**EXTRACTED RECORDS:**
________________________________________

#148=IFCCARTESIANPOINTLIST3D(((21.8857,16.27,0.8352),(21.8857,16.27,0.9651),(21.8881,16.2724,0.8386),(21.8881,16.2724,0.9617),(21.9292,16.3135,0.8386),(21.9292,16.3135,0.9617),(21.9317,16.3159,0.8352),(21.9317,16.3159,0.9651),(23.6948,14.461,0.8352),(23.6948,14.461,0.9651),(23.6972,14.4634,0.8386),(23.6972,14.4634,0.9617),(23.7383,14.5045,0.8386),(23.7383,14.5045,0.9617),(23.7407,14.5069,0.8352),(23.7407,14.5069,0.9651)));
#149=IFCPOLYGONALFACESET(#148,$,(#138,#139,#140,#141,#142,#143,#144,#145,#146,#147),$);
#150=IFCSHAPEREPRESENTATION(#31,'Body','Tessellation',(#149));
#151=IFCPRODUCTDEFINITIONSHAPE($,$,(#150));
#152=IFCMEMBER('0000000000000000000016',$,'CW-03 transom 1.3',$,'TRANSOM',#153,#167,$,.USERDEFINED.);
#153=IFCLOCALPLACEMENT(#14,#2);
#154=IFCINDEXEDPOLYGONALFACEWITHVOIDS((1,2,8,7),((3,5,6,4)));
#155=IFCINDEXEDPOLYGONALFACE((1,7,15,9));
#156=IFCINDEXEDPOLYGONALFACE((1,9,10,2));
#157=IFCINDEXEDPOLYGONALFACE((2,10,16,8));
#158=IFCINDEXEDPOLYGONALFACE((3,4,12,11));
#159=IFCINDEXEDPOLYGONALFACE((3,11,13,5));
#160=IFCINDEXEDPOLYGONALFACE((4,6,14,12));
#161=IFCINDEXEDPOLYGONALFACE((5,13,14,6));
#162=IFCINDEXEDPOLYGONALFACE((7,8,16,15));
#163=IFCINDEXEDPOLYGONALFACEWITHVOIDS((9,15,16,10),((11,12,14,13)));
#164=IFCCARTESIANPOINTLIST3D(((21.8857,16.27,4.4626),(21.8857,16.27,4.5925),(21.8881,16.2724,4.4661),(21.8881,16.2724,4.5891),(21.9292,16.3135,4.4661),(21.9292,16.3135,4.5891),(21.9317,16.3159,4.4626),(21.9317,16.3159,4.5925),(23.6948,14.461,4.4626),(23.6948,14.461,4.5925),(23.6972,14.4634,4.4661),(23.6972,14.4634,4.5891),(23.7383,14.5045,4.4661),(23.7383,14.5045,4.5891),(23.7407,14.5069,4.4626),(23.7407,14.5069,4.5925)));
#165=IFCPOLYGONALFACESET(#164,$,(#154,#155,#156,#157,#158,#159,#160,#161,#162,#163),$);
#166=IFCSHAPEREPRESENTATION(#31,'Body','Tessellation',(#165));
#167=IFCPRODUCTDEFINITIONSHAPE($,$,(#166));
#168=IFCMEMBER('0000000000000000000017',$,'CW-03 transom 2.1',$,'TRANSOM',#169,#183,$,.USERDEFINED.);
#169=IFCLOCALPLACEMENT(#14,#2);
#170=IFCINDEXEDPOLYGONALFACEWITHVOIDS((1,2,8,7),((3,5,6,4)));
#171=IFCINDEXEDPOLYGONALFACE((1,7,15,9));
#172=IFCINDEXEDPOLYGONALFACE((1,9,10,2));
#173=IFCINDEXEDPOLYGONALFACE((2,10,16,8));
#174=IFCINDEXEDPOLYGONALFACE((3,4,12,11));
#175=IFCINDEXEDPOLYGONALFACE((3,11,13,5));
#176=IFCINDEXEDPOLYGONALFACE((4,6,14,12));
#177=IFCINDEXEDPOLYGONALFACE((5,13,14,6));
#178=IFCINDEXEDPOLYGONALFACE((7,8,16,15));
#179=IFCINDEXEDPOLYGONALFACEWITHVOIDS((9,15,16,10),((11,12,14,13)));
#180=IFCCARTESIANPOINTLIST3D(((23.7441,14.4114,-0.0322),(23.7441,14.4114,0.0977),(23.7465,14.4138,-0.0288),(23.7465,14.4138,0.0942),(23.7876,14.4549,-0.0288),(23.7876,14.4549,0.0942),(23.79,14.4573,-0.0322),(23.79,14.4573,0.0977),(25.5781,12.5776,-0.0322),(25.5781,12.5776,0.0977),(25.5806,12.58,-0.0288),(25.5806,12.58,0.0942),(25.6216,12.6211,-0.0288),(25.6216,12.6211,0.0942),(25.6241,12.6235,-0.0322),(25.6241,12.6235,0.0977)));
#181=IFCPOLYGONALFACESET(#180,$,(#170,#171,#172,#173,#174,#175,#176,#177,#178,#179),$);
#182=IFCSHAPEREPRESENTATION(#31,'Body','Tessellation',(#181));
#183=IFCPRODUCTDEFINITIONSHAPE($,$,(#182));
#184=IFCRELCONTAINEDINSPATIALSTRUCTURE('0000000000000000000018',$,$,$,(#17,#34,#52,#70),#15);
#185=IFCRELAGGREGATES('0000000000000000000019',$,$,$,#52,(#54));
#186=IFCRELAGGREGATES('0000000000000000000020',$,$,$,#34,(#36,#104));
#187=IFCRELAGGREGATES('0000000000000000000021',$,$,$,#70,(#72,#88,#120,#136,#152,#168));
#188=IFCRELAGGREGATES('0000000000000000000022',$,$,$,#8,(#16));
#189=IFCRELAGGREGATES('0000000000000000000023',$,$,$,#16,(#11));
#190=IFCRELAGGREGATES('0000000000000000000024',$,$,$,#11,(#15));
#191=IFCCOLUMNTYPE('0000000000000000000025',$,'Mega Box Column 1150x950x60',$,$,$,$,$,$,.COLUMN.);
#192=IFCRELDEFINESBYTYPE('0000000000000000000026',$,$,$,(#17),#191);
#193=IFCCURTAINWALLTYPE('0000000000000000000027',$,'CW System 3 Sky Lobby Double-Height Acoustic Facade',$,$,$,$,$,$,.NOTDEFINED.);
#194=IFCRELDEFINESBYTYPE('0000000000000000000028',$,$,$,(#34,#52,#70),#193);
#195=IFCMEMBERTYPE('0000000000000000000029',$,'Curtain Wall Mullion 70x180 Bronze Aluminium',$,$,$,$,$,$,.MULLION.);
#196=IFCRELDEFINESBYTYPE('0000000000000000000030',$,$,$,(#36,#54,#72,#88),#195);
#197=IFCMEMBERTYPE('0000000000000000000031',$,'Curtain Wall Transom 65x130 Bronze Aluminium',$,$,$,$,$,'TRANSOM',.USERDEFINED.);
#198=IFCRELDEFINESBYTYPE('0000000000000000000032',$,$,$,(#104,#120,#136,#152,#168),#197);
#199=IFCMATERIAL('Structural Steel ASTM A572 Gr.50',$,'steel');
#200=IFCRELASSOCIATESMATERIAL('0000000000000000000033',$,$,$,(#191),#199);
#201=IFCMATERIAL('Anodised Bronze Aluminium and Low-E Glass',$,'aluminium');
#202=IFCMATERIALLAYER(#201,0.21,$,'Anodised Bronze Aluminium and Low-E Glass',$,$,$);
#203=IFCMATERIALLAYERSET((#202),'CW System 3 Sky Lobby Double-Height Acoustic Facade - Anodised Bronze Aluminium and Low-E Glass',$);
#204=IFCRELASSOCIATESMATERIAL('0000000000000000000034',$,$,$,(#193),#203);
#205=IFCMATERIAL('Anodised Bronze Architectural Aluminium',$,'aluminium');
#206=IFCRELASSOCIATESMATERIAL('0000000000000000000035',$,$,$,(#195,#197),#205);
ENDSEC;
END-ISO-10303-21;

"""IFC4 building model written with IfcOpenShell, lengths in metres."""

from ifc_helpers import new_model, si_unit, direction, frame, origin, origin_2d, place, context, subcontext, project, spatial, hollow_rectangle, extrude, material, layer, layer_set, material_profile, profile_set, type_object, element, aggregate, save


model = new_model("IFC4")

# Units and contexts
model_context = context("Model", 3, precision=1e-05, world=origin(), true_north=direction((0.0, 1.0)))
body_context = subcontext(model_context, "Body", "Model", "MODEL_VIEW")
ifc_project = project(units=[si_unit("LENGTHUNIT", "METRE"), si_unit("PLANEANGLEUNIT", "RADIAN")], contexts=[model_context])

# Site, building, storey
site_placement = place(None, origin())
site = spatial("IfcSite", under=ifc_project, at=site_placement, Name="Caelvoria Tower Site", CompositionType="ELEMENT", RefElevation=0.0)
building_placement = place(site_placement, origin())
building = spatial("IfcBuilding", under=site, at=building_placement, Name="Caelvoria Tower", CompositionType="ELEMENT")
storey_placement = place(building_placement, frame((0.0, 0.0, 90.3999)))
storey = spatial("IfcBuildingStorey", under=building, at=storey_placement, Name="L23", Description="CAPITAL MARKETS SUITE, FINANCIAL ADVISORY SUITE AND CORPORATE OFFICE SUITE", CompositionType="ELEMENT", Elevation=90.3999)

________________________________________

**DESCRIPTION OF THE TASK:** What lines above contain the word "IFCLOCALPLACEMENT"? Please copy each one.

**ANSWER TO THIS TASK:**
#153=IFCLOCALPLACEMENT(#14,#2);
#169=IFCLOCALPLACEMENT(#14,#2);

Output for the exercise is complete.